**SOURCE DATA:**

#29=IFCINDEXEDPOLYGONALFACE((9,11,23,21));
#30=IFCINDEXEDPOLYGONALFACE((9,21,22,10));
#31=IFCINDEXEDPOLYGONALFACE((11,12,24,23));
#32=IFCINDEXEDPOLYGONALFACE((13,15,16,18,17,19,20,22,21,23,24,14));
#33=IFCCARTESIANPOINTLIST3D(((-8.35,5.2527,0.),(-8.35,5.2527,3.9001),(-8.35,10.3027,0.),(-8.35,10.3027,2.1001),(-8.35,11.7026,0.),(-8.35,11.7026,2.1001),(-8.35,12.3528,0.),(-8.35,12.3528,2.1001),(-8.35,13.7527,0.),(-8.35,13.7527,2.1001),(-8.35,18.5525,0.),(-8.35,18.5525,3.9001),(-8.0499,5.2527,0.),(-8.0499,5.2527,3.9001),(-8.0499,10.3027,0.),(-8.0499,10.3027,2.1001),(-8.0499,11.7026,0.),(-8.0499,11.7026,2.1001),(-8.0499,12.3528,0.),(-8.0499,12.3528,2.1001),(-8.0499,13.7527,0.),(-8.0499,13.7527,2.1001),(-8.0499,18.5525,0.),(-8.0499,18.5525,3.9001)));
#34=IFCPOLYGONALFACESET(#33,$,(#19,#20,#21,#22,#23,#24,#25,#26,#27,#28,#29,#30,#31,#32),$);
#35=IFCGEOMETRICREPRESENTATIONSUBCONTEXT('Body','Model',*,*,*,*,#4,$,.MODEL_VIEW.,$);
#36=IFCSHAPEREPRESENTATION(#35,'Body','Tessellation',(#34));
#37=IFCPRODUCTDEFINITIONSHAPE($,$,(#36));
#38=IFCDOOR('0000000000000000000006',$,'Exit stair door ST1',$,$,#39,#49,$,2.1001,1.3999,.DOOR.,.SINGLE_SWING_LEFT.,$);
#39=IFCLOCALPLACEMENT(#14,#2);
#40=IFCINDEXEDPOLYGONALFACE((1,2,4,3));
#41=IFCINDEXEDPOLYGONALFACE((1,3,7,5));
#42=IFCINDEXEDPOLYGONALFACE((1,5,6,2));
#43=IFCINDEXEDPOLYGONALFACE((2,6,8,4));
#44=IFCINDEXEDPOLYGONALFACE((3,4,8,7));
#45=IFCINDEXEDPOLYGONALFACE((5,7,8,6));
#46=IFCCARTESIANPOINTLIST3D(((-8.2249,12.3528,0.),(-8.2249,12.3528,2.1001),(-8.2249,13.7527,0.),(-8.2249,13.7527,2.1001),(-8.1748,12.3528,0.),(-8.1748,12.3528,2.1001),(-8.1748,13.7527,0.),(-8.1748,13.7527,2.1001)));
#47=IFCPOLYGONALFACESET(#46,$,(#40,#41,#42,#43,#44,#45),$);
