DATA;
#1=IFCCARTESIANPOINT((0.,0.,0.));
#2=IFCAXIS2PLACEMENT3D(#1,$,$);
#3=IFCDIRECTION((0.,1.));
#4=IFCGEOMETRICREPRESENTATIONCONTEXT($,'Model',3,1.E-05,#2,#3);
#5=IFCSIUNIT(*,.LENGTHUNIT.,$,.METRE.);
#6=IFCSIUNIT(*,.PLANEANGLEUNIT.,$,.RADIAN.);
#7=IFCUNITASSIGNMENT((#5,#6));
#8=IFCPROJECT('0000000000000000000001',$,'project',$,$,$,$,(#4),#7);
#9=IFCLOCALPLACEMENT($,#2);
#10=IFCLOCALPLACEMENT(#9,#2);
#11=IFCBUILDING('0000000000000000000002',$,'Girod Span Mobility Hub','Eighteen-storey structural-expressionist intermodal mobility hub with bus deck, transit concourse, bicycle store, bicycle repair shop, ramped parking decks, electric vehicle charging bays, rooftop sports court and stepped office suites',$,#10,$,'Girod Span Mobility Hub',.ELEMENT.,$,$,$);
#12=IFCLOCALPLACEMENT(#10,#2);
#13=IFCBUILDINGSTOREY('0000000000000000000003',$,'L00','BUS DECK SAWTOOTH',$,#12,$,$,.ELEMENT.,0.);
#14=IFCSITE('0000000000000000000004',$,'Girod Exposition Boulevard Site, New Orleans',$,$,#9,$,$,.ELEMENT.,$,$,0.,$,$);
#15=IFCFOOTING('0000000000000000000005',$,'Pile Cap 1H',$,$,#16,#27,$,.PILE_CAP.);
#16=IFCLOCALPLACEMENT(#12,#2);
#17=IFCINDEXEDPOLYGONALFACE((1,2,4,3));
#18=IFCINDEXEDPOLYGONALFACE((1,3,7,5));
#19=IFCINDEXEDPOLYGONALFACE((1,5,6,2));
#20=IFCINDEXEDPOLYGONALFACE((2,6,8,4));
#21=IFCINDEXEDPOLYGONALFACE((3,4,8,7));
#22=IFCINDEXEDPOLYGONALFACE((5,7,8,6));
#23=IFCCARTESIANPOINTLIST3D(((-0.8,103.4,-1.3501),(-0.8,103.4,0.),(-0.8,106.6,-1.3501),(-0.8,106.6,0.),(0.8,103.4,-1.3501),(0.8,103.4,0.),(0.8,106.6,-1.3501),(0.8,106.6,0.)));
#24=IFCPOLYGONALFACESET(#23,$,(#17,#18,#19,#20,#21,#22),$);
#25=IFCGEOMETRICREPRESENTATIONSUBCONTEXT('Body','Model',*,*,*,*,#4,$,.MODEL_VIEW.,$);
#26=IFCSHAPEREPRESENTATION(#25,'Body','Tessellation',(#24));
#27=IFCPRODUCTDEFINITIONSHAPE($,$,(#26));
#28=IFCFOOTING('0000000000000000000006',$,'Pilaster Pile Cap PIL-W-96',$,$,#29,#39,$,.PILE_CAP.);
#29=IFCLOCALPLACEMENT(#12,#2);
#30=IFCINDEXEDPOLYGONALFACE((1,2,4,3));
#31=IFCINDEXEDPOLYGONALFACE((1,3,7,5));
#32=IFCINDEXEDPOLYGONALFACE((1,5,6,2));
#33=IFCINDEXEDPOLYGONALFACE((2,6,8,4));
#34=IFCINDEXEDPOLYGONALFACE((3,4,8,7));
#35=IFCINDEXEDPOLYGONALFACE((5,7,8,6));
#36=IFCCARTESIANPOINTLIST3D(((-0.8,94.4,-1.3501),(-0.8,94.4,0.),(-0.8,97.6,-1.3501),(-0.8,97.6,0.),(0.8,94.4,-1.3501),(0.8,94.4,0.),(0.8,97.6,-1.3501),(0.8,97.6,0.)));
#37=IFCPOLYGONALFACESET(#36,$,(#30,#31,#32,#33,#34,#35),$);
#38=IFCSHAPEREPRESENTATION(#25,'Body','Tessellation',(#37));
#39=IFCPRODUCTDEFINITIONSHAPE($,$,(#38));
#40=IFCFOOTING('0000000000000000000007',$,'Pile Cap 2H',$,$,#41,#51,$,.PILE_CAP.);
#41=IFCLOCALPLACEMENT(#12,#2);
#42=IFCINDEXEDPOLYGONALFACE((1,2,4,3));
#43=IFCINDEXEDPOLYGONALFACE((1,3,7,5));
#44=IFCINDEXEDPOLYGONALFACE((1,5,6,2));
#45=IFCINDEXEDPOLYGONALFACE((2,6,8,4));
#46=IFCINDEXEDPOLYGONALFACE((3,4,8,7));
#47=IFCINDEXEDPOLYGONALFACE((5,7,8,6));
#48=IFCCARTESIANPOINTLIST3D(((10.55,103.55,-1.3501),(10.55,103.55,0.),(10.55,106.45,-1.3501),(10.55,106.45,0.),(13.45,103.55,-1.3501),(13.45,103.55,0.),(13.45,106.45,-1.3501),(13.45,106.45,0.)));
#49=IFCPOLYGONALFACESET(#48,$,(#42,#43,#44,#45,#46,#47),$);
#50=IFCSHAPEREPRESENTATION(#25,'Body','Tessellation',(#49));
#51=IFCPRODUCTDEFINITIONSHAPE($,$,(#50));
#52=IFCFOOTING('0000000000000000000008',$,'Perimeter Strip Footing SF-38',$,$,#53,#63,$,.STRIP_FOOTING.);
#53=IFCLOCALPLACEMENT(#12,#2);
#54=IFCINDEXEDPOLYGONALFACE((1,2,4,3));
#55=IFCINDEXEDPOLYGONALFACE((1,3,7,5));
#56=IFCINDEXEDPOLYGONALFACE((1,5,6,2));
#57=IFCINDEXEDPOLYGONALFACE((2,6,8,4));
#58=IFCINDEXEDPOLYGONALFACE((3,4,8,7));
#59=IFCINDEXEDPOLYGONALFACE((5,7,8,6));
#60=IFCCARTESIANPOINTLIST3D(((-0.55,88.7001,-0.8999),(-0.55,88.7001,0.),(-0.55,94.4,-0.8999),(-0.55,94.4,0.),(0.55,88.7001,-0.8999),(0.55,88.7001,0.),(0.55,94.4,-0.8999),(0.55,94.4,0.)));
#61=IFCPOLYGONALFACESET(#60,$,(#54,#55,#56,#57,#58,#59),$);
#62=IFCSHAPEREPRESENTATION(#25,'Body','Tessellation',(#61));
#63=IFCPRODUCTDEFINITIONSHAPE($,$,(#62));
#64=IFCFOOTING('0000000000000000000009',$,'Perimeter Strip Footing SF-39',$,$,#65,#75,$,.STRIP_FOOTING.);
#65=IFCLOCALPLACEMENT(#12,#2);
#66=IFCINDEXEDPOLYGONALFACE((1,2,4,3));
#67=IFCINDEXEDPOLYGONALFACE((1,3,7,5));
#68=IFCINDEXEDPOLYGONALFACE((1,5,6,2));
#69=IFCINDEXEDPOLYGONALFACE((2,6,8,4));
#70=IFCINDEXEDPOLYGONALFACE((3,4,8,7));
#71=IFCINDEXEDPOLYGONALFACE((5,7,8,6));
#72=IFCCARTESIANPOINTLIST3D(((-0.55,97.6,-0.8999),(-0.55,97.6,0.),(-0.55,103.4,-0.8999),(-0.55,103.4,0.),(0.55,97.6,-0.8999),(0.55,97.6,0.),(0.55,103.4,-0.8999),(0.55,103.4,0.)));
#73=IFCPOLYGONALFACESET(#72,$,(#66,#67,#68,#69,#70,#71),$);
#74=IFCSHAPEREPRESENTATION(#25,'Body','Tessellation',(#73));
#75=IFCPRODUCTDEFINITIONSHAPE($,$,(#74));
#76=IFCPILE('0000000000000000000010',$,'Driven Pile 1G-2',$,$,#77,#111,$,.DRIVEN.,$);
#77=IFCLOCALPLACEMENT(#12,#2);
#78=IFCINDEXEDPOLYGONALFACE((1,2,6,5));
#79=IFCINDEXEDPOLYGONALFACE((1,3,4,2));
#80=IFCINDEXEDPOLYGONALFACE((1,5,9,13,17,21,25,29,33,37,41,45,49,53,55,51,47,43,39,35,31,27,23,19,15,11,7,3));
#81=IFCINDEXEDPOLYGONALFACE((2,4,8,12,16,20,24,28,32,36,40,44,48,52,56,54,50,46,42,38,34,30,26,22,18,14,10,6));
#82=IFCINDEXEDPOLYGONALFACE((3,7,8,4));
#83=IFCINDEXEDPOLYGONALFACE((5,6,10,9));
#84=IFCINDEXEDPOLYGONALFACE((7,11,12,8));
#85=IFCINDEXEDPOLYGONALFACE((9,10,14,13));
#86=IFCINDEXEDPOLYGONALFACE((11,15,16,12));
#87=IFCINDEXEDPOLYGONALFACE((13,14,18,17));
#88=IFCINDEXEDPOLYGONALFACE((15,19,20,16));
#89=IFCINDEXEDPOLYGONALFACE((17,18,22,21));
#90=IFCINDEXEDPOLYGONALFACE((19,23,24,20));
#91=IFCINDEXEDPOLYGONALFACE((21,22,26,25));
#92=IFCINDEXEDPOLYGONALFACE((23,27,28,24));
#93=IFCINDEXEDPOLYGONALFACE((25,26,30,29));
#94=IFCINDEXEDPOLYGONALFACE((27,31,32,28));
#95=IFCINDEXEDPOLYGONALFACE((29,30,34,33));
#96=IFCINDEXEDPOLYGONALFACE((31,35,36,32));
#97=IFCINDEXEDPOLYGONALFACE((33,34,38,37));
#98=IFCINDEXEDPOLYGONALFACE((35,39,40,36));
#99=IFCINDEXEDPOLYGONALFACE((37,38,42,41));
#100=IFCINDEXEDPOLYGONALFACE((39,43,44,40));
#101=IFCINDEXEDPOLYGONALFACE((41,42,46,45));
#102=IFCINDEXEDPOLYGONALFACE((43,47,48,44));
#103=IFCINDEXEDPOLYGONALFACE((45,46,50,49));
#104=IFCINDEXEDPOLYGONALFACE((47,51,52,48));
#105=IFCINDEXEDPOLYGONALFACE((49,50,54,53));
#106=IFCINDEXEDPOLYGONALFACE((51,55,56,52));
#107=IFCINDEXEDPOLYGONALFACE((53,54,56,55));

**ACTIVITY:** Repeat the material word for word from its opening line up to and including the line containing "#43=IFCINDEXEDPOLYGONALFACE((2,6,8,4));".

**WORKED SOLUTION:**
#29=IFCINDEXEDPOLYGONALFACE((9,11,23,21));
#30=IFCINDEXEDPOLYGONALFACE((9,21,22,10));
#31=IFCINDEXEDPOLYGONALFACE((11,12,24,23));
#32=IFCINDEXEDPOLYGONALFACE((13,15,16,18,17,19,20,22,21,23,24,14));
#33=IFCCARTESIANPOINTLIST3D(((-8.35,5.2527,0.),(-8.35,5.2527,3.9001),(-8.35,10.3027,0.),(-8.35,10.3027,2.1001),(-8.35,11.7026,0.),(-8.35,11.7026,2.1001),(-8.35,12.3528,0.),(-8.35,12.3528,2.1001),(-8.35,13.7527,0.),(-8.35,13.7527,2.1001),(-8.35,18.5525,0.),(-8.35,18.5525,3.9001),(-8.0499,5.2527,0.),(-8.0499,5.2527,3.9001),(-8.0499,10.3027,0.),(-8.0499,10.3027,2.1001),(-8.0499,11.7026,0.),(-8.0499,11.7026,2.1001),(-8.0499,12.3528,0.),(-8.0499,12.3528,2.1001),(-8.0499,13.7527,0.),(-8.0499,13.7527,2.1001),(-8.0499,18.5525,0.),(-8.0499,18.5525,3.9001)));
#34=IFCPOLYGONALFACESET(#33,$,(#19,#20,#21,#22,#23,#24,#25,#26,#27,#28,#29,#30,#31,#32),$);
#35=IFCGEOMETRICREPRESENTATIONSUBCONTEXT('Body','Model',*,*,*,*,#4,$,.MODEL_VIEW.,$);
#36=IFCSHAPEREPRESENTATION(#35,'Body','Tessellation',(#34));
#37=IFCPRODUCTDEFINITIONSHAPE($,$,(#36));
#38=IFCDOOR('0000000000000000000006',$,'Exit stair door ST1',$,$,#39,#49,$,2.1001,1.3999,.DOOR.,.SINGLE_SWING_LEFT.,$);
#39=IFCLOCALPLACEMENT(#14,#2);
#40=IFCINDEXEDPOLYGONALFACE((1,2,4,3));
#41=IFCINDEXEDPOLYGONALFACE((1,3,7,5));
#42=IFCINDEXEDPOLYGONALFACE((1,5,6,2));
#43=IFCINDEXEDPOLYGONALFACE((2,6,8,4));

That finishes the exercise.